Input material
=====

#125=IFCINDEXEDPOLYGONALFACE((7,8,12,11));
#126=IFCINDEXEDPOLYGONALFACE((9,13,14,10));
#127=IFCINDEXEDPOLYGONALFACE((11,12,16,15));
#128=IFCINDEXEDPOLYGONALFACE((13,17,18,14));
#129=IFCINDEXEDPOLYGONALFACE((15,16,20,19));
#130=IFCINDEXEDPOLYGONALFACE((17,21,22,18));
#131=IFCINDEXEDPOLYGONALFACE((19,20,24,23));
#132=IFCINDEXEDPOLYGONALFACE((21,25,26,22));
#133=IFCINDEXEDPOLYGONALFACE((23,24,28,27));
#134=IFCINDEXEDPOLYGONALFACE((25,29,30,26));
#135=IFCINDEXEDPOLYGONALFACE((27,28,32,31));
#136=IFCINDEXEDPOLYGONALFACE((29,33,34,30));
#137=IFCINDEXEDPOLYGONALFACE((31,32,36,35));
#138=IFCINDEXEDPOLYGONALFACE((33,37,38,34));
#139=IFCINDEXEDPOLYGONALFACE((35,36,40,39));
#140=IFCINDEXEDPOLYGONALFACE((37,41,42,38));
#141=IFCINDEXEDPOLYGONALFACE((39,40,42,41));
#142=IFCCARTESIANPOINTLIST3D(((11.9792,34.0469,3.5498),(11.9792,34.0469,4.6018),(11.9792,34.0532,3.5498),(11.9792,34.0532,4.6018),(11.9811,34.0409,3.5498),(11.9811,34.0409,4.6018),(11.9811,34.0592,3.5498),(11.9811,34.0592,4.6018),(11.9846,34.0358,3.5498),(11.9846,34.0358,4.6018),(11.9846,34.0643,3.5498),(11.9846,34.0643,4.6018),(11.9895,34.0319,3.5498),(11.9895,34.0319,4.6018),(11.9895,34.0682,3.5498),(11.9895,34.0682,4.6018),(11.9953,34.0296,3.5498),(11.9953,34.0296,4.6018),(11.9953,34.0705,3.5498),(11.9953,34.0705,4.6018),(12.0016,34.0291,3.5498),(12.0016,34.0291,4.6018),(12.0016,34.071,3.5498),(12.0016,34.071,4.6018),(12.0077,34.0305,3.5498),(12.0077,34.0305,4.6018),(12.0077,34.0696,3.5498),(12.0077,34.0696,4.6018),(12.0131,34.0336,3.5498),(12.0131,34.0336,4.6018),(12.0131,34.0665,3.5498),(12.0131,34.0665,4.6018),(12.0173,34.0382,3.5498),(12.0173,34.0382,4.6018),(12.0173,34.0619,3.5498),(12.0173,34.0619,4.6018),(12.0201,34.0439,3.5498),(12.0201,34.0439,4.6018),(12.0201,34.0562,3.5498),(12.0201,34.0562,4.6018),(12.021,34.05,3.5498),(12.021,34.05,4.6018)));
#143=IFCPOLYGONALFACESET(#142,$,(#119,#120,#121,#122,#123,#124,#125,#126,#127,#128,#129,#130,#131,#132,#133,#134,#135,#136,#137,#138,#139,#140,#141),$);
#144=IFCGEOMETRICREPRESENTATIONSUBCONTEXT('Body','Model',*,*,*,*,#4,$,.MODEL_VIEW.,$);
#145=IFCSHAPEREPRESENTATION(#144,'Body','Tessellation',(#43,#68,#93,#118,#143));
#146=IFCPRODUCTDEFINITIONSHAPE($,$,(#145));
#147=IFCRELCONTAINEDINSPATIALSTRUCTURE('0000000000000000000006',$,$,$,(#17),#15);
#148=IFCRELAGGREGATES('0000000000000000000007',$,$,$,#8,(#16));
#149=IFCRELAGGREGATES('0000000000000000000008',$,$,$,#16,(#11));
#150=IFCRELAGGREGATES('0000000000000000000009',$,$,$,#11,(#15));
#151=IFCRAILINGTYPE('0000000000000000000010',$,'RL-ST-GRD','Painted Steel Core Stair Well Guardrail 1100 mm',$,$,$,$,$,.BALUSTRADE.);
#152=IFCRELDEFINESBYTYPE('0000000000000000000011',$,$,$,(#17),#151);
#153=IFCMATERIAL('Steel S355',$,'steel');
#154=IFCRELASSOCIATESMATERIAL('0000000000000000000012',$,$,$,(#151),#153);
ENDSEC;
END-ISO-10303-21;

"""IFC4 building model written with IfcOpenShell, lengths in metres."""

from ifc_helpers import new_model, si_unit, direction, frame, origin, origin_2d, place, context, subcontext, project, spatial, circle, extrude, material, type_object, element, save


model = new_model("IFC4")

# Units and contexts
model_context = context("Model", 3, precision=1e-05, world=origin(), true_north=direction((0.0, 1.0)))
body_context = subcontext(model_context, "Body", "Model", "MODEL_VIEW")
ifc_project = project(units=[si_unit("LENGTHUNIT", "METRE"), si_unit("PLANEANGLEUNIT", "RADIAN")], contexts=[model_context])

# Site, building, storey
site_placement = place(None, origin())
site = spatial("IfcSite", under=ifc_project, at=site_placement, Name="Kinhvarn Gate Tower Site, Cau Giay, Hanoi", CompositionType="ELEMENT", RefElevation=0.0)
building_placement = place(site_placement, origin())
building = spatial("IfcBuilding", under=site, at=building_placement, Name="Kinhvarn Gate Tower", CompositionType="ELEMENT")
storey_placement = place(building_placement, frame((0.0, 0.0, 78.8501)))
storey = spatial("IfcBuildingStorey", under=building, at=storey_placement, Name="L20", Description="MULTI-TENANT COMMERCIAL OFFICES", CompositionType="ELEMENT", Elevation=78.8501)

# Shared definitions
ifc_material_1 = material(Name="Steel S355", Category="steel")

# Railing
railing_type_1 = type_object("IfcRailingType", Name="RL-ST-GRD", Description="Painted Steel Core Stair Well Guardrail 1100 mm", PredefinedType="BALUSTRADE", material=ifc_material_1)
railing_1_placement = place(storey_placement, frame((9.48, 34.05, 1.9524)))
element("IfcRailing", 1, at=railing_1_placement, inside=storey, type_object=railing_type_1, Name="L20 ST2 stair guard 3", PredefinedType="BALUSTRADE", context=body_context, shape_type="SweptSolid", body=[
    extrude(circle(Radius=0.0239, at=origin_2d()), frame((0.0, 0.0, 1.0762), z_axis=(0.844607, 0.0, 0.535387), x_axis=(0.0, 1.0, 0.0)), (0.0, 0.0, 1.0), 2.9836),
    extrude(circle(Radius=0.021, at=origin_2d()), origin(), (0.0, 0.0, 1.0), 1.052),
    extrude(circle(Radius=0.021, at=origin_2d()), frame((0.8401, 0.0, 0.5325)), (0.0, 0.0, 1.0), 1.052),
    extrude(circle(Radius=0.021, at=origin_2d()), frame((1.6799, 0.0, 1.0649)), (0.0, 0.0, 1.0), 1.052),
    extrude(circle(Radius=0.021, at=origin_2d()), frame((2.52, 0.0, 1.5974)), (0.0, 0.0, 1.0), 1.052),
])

=====

Task goal
Could you state how many lines of the data include the word "Radius"? Only the number is needed.

Exercise answer
5